● **Task**:
When the word "from" appears in a line of the data below, list that line.

● **Records shown**:
————————

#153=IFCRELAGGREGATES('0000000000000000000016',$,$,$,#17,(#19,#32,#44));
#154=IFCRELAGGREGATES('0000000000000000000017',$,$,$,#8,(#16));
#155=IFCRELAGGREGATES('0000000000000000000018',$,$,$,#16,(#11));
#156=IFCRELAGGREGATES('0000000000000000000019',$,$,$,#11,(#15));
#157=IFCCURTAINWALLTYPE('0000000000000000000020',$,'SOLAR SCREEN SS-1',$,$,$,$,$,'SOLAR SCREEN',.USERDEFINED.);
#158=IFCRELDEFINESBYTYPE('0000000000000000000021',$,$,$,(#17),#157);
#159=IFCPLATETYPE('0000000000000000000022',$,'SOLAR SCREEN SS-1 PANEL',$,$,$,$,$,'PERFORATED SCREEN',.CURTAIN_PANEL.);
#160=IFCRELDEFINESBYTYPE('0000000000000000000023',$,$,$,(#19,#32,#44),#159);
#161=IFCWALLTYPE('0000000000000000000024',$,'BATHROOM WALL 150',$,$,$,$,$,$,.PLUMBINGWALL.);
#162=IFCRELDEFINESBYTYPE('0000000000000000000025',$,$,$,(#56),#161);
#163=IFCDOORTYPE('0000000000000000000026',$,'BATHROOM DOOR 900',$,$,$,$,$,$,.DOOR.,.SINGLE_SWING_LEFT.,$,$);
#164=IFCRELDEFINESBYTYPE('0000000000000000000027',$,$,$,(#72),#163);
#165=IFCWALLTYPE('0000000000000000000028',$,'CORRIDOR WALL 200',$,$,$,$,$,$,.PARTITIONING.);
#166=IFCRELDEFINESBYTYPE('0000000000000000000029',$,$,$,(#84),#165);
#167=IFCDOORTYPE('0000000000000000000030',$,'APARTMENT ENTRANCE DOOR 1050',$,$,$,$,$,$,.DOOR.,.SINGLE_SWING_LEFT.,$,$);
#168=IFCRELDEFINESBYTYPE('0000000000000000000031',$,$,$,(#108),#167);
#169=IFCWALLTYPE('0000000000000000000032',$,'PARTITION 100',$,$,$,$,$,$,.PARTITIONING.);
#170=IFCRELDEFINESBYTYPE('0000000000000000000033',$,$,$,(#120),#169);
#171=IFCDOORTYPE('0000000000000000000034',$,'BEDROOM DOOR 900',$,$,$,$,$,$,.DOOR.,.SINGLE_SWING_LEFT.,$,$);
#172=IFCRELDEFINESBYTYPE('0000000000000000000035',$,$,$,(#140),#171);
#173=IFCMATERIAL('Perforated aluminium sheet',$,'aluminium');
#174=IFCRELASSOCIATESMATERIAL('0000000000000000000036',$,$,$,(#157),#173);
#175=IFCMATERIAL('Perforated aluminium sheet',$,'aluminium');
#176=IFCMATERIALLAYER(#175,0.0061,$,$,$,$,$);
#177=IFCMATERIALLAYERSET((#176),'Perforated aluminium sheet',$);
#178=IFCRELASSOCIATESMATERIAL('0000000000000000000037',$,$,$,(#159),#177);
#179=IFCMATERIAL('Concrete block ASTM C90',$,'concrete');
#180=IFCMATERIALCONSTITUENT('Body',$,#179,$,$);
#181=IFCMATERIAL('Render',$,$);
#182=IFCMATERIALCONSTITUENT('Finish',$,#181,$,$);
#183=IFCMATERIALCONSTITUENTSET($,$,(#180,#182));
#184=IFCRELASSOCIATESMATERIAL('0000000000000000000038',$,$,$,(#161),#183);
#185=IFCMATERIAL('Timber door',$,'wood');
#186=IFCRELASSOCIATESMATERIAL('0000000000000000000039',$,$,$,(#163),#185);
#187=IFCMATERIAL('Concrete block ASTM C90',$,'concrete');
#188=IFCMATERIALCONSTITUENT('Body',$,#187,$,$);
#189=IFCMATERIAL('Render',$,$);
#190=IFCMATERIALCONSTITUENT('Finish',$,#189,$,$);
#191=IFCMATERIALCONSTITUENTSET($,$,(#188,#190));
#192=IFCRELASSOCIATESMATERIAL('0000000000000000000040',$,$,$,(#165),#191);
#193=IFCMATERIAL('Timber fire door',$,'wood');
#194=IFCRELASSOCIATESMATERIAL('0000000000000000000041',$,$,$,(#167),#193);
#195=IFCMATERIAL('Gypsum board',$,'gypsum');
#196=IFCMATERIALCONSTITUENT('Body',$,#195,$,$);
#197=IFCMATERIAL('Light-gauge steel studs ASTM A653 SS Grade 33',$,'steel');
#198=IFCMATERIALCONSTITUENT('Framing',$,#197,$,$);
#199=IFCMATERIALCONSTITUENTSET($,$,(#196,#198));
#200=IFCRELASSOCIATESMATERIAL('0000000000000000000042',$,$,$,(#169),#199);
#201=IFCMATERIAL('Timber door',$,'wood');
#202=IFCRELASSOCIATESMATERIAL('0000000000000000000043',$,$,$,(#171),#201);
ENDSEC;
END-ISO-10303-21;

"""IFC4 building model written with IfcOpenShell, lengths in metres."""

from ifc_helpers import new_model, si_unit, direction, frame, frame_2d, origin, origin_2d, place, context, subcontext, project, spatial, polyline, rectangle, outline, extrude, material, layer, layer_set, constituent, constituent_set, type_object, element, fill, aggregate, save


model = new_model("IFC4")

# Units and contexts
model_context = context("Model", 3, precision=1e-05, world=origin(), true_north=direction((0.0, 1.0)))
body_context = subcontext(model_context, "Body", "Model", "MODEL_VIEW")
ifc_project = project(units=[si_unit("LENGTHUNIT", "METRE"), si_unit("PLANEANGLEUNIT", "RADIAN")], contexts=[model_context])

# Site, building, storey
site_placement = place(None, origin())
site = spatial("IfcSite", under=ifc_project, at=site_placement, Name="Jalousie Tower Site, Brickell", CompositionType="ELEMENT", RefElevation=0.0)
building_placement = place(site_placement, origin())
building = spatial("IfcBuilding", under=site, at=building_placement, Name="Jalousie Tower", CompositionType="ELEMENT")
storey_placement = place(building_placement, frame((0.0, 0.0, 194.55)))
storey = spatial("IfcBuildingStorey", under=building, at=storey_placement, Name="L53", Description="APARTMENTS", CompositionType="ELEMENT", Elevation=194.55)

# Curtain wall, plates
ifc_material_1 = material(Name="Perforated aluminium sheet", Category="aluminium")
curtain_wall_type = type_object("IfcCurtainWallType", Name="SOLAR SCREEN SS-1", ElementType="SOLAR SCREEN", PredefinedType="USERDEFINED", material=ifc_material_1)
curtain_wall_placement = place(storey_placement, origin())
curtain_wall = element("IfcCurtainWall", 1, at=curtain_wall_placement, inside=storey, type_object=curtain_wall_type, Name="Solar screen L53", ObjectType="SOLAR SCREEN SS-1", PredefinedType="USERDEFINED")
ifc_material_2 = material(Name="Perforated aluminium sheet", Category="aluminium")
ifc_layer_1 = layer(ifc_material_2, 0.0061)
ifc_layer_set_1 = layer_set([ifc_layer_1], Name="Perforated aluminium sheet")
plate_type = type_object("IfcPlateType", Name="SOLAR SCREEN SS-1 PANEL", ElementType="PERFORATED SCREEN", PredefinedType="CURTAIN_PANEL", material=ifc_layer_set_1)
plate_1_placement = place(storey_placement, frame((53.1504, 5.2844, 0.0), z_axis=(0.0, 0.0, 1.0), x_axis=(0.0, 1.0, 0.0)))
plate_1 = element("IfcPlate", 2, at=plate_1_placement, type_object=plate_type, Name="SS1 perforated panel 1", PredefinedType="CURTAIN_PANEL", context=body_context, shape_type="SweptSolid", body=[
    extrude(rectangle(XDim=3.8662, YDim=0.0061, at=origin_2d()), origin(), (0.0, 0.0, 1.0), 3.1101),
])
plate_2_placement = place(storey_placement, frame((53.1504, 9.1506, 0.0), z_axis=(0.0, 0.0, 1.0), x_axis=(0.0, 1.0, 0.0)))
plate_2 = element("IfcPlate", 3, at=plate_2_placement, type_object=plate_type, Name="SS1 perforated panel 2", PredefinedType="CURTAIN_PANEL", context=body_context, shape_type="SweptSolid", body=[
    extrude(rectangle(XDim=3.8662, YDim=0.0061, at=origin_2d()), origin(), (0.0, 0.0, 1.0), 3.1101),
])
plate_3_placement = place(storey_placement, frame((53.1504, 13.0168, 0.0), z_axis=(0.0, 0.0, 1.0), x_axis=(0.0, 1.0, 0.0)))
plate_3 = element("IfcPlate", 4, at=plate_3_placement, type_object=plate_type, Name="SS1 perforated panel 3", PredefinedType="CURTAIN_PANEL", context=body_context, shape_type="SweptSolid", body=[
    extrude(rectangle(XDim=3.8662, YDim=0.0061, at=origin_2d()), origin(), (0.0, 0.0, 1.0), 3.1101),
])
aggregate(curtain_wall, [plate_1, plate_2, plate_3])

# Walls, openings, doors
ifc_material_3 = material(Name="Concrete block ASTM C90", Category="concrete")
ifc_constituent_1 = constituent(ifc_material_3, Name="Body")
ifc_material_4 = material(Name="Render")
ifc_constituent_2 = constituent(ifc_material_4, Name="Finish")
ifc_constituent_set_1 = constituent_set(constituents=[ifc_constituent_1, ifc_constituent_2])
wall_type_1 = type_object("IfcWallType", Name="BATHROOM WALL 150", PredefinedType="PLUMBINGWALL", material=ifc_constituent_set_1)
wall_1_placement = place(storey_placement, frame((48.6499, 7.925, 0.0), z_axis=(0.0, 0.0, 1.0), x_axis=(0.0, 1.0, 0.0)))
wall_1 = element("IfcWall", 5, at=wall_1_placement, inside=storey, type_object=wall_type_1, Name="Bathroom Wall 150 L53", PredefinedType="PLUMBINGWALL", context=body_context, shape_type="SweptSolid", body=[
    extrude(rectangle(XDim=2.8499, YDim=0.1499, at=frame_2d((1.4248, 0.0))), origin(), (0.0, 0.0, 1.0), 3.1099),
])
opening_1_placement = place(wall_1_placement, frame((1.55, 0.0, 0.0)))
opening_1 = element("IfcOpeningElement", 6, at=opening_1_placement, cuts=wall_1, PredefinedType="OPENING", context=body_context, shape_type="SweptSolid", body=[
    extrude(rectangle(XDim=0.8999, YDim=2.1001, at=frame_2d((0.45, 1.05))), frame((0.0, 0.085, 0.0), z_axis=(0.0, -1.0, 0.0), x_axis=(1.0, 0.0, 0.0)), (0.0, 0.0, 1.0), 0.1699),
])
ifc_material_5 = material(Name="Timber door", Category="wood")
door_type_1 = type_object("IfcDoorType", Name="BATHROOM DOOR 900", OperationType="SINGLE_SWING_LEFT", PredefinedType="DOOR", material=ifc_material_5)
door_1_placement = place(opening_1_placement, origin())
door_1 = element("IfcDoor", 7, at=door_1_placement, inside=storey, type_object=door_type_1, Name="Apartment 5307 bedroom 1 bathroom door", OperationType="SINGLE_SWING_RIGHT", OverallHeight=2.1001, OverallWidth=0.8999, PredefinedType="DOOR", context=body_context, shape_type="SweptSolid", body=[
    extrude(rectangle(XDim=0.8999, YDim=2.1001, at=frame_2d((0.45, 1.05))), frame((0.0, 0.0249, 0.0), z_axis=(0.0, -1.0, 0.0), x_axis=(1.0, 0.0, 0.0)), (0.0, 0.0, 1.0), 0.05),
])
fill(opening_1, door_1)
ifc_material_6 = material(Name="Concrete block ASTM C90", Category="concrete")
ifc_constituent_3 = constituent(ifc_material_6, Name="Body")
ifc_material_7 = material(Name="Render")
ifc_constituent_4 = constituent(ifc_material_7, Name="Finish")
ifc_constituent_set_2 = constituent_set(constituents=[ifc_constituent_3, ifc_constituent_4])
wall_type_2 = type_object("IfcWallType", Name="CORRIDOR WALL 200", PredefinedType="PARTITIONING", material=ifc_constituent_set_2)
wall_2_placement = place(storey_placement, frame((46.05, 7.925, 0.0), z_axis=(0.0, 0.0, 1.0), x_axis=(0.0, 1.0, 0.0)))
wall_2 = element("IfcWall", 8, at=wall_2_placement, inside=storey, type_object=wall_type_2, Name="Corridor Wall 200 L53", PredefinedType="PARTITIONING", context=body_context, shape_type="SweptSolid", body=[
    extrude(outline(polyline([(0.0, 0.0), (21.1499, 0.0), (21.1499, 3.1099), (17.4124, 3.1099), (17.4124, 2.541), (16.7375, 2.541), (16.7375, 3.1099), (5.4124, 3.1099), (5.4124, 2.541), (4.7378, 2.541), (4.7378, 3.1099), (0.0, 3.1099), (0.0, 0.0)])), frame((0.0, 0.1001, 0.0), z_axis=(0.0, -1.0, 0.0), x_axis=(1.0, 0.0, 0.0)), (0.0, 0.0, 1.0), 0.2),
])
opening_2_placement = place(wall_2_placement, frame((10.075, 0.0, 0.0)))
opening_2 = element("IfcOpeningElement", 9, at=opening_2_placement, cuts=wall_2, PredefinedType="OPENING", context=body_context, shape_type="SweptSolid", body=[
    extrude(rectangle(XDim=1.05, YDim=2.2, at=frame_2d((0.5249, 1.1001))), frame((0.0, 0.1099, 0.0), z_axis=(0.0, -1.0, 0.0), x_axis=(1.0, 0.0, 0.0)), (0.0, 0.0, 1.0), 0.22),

————————

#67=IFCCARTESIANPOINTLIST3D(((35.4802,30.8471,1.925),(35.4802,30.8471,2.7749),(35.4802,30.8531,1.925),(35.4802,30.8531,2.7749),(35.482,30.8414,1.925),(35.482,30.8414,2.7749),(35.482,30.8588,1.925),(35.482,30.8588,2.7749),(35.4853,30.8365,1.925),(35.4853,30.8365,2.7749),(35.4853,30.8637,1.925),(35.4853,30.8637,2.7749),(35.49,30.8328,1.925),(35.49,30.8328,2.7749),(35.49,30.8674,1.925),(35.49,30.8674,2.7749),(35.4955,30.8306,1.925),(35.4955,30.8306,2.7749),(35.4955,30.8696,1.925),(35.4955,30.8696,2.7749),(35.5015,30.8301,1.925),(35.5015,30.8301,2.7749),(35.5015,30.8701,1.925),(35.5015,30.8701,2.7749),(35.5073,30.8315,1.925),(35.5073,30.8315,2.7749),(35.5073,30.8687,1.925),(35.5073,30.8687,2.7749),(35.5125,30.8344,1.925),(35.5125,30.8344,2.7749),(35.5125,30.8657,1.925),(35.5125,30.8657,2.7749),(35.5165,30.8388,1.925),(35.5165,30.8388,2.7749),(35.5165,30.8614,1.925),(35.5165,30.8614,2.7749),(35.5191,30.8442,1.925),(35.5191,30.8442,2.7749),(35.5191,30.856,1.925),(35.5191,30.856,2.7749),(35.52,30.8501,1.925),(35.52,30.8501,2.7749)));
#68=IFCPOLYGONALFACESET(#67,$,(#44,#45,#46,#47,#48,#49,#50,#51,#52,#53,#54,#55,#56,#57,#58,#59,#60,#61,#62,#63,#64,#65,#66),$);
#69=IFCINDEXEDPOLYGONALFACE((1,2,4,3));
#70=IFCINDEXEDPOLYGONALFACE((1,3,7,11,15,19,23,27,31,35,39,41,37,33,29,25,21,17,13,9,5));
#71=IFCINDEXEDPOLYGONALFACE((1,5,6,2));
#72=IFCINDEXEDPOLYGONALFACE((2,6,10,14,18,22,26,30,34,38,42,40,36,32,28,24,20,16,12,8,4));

————————

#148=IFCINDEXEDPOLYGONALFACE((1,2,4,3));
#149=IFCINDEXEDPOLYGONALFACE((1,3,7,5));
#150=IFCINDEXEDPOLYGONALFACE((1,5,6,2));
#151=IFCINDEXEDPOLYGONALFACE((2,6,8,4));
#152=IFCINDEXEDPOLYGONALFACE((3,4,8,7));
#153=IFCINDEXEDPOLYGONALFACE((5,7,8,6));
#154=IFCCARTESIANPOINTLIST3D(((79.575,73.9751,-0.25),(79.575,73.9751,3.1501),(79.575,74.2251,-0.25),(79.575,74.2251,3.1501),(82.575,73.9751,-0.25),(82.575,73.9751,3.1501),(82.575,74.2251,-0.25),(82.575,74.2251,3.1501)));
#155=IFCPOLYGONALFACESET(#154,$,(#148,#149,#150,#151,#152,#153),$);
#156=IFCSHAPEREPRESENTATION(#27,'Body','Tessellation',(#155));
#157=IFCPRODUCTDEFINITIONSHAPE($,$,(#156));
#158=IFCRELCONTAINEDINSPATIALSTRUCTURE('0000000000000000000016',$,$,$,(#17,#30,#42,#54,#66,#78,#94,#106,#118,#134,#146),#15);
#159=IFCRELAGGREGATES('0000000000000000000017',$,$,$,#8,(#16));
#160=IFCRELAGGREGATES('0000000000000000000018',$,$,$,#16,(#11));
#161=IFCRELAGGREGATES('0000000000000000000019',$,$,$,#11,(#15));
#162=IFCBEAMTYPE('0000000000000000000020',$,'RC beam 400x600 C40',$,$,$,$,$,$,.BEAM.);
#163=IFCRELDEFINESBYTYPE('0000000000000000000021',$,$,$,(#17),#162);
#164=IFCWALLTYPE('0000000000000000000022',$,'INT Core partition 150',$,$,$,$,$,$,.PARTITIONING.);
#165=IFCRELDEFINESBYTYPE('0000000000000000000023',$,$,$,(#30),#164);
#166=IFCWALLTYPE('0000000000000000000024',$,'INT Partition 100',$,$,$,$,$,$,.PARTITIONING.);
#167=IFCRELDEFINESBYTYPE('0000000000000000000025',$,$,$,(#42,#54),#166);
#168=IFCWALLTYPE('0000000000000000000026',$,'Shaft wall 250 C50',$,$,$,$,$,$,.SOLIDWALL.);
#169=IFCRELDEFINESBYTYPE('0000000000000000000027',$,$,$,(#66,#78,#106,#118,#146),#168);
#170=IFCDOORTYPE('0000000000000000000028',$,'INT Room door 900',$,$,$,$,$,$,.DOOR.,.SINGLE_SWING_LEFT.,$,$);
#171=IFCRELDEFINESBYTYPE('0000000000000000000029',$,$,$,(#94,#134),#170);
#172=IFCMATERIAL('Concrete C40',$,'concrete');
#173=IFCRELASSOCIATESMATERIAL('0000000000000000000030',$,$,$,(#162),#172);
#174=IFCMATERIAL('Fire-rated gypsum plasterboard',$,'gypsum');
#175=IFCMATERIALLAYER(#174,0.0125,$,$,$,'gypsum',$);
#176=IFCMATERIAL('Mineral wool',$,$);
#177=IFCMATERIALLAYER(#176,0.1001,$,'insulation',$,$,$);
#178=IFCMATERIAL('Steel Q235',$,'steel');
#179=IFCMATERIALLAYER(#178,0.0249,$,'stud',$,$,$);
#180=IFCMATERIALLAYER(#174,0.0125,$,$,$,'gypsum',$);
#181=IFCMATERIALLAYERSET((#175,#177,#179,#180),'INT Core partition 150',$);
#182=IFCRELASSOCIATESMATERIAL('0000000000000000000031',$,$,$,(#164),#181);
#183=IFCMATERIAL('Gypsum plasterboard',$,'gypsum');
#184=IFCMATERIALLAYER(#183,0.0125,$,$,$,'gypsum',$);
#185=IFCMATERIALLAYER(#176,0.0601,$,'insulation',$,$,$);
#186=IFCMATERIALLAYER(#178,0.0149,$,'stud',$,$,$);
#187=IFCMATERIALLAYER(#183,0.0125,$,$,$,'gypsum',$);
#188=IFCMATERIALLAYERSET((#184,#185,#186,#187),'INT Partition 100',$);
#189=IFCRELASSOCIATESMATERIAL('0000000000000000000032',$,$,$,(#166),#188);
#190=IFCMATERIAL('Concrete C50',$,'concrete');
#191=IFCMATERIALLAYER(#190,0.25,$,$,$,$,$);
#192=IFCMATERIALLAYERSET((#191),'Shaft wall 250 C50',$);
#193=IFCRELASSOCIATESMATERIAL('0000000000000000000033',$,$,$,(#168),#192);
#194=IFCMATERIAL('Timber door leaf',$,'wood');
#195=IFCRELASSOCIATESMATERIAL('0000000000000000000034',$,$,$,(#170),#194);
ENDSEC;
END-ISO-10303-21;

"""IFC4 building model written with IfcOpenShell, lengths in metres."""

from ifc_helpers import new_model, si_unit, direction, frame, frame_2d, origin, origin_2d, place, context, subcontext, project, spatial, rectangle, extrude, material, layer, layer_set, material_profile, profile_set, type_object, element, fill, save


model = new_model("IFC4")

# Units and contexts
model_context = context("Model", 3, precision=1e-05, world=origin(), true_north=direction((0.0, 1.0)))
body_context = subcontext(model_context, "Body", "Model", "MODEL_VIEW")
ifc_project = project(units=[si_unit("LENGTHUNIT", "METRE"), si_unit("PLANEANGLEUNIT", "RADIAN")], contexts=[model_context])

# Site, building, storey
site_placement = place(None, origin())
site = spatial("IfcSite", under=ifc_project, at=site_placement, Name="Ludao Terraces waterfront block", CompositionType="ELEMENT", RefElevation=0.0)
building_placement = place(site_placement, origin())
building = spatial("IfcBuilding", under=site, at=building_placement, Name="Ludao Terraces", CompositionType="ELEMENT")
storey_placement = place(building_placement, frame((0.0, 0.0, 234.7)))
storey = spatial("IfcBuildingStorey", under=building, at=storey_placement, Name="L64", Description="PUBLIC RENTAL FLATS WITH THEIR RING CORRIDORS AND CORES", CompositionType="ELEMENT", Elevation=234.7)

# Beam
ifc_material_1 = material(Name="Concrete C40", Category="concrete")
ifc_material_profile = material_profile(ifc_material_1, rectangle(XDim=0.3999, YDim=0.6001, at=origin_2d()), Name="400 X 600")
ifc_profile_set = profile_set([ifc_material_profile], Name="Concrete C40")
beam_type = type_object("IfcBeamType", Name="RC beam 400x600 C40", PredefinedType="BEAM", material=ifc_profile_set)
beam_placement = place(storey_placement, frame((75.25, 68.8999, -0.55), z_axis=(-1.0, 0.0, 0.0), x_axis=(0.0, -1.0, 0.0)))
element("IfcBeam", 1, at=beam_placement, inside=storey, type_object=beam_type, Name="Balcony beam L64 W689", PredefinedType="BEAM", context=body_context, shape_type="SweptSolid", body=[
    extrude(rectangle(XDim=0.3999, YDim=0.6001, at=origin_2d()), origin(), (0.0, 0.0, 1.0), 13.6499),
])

————————

● **Written response**:
from ifc_helpers import new_model, si_unit, direction, frame, frame_2d, origin, origin_2d, place, context, subcontext, project, spatial, polyline, rectangle, outline, extrude, material, layer, layer_set, constituent, constituent_set, type_object, element, fill, aggregate, save
from ifc_helpers import new_model, si_unit, direction, frame, frame_2d, origin, origin_2d, place, context, subcontext, project, spatial, rectangle, extrude, material, layer, layer_set, material_profile, profile_set, type_object, element, fill, save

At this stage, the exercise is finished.